__Exercise objective__. In the data below, how many lines include the word "Tessellation"? Give only the number.

Saved entries:
********************

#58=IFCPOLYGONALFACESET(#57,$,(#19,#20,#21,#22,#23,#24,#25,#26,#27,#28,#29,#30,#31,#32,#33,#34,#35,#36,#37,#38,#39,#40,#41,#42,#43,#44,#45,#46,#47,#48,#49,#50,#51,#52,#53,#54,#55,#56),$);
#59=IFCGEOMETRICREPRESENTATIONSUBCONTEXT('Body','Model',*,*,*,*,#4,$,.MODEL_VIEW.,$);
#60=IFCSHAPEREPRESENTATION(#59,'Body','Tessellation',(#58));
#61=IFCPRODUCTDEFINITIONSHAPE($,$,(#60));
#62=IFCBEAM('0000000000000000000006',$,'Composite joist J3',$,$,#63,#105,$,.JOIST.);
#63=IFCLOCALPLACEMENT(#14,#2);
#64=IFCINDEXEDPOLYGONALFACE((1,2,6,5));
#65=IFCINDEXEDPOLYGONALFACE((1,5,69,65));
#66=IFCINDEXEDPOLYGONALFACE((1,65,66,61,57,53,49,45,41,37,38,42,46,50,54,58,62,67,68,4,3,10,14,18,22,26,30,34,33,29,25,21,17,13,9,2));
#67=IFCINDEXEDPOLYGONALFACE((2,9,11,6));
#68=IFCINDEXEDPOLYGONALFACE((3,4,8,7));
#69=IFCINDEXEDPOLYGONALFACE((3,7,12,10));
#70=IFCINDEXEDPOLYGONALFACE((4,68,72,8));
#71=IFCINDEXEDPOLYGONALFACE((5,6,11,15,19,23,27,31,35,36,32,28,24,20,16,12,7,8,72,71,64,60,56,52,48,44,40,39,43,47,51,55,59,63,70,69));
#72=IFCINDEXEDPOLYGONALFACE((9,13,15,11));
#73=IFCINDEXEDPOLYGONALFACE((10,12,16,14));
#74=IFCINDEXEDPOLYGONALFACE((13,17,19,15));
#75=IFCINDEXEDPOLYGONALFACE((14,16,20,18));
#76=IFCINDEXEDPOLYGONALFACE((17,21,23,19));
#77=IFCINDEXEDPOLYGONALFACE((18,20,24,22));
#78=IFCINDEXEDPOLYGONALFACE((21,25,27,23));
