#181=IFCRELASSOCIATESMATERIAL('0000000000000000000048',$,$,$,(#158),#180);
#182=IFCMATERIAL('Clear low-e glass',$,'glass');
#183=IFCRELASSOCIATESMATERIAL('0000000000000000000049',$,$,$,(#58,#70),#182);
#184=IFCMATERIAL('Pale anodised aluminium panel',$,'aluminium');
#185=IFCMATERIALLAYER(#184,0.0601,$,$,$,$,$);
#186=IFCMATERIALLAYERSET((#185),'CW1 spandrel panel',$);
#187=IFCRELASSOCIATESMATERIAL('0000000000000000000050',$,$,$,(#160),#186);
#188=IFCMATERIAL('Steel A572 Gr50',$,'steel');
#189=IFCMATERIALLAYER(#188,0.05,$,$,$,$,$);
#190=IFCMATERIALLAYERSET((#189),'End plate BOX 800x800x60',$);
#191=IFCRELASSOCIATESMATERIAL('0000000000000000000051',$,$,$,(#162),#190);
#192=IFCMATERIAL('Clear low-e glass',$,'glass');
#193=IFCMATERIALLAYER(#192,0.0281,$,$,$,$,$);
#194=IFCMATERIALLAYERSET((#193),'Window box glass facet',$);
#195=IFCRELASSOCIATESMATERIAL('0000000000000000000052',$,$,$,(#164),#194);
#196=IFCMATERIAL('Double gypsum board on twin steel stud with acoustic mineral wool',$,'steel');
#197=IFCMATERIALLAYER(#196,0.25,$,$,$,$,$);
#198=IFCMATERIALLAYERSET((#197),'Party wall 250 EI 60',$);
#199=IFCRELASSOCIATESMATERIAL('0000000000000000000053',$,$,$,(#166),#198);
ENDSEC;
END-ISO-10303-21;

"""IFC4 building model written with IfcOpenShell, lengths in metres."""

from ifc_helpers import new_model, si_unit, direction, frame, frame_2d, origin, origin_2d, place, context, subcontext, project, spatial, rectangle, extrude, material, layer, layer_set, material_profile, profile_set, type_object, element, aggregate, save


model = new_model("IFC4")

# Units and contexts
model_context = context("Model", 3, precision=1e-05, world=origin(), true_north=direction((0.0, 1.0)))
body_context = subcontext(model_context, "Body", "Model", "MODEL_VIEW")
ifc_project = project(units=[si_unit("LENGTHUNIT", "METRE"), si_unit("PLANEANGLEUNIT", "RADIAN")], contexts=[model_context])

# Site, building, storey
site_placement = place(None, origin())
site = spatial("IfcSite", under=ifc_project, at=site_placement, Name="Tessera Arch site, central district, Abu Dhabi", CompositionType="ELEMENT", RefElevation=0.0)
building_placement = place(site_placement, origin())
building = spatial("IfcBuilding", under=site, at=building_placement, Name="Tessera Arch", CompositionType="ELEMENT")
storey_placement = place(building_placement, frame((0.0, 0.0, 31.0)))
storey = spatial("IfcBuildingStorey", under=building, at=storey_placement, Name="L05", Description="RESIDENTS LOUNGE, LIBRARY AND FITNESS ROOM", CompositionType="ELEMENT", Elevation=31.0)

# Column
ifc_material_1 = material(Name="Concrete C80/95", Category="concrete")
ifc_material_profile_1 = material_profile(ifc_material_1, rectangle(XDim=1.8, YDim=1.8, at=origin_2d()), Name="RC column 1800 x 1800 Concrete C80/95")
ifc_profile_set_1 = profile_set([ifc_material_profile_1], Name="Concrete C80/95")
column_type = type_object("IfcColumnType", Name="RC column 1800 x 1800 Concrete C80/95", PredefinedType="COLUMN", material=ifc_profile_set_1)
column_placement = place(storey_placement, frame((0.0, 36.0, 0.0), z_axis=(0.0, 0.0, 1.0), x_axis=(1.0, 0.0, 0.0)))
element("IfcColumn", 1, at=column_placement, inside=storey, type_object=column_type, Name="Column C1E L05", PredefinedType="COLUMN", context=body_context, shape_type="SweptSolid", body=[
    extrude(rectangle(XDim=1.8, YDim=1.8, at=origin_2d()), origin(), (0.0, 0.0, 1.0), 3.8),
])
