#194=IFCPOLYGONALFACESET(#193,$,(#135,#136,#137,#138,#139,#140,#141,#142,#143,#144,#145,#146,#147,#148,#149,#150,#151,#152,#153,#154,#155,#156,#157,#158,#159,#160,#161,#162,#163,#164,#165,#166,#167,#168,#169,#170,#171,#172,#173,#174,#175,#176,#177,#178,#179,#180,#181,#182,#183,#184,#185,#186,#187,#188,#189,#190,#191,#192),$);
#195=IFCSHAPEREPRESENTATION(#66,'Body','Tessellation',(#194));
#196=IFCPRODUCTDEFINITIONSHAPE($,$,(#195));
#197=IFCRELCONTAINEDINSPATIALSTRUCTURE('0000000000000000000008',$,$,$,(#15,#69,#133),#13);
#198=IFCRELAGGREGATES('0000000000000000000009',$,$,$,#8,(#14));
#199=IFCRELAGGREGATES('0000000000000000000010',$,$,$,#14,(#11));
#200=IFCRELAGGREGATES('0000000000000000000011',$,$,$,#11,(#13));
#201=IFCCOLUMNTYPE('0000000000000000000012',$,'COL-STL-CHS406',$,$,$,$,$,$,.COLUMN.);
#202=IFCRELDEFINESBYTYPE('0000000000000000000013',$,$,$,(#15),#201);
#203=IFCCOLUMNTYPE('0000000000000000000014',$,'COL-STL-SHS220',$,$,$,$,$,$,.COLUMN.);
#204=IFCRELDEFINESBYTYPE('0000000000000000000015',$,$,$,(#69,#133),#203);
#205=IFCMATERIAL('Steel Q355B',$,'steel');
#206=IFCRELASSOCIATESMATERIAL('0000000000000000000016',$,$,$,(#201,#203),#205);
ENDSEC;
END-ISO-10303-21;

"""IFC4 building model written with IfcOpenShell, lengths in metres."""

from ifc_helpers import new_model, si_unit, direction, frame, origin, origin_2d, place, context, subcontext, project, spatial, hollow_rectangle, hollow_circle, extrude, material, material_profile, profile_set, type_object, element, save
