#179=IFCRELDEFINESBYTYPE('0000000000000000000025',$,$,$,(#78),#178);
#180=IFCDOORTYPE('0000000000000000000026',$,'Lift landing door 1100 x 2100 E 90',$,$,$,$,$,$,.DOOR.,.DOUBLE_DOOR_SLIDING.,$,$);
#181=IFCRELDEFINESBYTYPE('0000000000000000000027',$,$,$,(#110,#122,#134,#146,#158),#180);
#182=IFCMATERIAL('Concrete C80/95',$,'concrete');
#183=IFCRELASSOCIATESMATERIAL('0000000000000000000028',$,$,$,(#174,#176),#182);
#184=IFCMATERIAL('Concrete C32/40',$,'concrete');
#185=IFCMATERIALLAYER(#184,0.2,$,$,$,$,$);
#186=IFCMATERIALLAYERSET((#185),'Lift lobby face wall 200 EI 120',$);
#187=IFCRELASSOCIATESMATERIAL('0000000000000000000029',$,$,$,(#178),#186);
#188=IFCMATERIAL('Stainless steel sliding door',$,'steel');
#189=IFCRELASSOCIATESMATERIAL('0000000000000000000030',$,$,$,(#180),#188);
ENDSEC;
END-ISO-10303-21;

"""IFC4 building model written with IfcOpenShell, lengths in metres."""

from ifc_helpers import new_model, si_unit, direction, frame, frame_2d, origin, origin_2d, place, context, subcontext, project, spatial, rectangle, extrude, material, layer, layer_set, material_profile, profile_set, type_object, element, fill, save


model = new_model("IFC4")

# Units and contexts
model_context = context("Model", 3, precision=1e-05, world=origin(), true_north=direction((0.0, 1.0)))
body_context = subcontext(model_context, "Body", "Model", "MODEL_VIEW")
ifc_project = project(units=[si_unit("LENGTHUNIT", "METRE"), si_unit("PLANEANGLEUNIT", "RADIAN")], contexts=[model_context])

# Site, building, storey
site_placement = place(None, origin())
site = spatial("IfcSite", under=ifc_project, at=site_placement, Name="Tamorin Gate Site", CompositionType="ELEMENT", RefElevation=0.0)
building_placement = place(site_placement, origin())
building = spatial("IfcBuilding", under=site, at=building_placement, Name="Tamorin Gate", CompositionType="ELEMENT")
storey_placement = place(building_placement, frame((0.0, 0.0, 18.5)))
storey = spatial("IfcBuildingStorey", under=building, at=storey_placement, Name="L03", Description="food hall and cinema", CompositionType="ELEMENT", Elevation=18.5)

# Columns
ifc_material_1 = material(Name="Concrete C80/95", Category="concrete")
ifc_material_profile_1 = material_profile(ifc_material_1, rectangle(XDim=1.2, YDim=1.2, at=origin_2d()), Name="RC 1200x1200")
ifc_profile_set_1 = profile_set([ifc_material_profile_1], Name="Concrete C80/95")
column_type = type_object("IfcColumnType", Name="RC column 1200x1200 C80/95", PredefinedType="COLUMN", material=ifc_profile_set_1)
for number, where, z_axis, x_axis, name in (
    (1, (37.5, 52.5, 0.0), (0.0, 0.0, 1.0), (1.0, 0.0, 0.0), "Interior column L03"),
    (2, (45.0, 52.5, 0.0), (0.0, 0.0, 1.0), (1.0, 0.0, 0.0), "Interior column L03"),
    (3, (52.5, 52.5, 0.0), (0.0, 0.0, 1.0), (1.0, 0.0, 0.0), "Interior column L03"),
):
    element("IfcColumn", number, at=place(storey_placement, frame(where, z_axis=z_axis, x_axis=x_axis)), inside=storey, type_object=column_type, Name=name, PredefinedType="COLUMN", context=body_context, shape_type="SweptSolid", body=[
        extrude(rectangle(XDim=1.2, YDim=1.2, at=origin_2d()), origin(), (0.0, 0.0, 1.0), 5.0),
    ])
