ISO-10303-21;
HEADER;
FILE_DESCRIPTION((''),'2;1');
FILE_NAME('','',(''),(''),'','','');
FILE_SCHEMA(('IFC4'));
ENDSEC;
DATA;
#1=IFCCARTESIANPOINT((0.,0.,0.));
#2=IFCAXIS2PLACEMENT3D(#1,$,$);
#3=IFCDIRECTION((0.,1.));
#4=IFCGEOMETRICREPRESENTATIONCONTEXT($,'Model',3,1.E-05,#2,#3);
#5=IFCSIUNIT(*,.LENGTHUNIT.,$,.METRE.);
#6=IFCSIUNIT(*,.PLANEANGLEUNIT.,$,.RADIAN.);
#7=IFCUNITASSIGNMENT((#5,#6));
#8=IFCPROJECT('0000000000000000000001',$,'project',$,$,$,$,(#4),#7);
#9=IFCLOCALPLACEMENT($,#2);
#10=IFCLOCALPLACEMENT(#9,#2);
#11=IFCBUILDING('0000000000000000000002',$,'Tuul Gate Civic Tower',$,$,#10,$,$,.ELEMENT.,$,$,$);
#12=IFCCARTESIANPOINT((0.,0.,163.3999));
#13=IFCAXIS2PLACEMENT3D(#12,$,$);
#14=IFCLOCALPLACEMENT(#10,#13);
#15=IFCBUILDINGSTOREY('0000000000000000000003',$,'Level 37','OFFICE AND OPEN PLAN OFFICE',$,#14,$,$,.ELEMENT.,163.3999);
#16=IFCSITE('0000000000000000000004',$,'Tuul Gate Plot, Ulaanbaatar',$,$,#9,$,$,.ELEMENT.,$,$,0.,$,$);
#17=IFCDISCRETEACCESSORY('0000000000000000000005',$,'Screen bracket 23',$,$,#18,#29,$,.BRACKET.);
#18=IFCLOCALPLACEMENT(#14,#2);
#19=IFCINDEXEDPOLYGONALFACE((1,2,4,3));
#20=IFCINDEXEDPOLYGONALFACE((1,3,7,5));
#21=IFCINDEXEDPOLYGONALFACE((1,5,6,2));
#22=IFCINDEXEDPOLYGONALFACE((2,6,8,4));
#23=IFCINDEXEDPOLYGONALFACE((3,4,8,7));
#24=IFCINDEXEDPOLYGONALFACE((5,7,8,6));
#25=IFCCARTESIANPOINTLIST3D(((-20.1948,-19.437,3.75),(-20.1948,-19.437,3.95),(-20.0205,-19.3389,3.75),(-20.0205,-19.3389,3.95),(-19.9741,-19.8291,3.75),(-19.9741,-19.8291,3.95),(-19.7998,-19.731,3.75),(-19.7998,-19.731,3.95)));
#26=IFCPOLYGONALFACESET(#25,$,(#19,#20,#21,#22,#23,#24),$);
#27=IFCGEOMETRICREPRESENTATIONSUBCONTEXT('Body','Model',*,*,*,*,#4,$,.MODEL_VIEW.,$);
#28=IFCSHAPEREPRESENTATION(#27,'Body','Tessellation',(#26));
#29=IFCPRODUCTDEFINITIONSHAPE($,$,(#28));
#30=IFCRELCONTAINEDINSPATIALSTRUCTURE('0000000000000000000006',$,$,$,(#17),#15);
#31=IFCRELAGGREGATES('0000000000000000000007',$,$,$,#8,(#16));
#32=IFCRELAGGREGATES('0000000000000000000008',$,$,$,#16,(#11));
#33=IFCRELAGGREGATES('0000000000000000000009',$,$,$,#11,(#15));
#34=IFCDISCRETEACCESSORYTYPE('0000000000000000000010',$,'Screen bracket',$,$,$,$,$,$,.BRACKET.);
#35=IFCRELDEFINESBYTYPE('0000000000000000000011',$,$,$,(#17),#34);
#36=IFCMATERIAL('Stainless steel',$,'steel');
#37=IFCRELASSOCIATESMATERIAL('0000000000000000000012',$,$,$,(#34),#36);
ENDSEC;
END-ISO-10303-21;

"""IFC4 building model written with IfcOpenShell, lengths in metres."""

from ifc_helpers import new_model, si_unit, direction, frame, origin, origin_2d, place, context, subcontext, project, spatial, rectangle, extrude, material, type_object, element, save


model = new_model("IFC4")

# Units and contexts
model_context = context("Model", 3, precision=1e-05, world=origin(), true_north=direction((0.0, 1.0)))
body_context = subcontext(model_context, "Body", "Model", "MODEL_VIEW")
ifc_project = project(units=[si_unit("LENGTHUNIT", "METRE"), si_unit("PLANEANGLEUNIT", "RADIAN")], contexts=[model_context])

# Site, building, storey
site_placement = place(None, origin())
site = spatial("IfcSite", under=ifc_project, at=site_placement, Name="Tuul Gate Plot, Ulaanbaatar", CompositionType="ELEMENT", RefElevation=0.0)
building_placement = place(site_placement, origin())
building = spatial("IfcBuilding", under=site, at=building_placement, Name="Tuul Gate Civic Tower", CompositionType="ELEMENT")
storey_placement = place(building_placement, frame((0.0, 0.0, 163.3999)))
storey = spatial("IfcBuildingStorey", under=building, at=storey_placement, Name="Level 37", Description="OFFICE AND OPEN PLAN OFFICE", CompositionType="ELEMENT", Elevation=163.3999)

# Discrete accessory
ifc_material_1 = material(Name="Stainless steel", Category="steel")
discrete_accessory_type_1 = type_object("IfcDiscreteAccessoryType", Name="Screen bracket", PredefinedType="BRACKET", material=ifc_material_1)
discrete_accessory_placement = place(storey_placement, frame((-19.9973, -19.584, 3.75), z_axis=(0.0, 0.0, 1.0), x_axis=(0.490457, -0.871466, 0.0)))
element("IfcDiscreteAccessory", 1, at=discrete_accessory_placement, inside=storey, type_object=discrete_accessory_type_1, Name="Screen bracket 23", PredefinedType="BRACKET", context=body_context, shape_type="SweptSolid", body=[
    extrude(rectangle(XDim=0.45, YDim=0.2, at=origin_2d()), origin(), (0.0, 0.0, 1.0), 0.2),
])

save(model, "model.ifc")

********************

__Result__. 3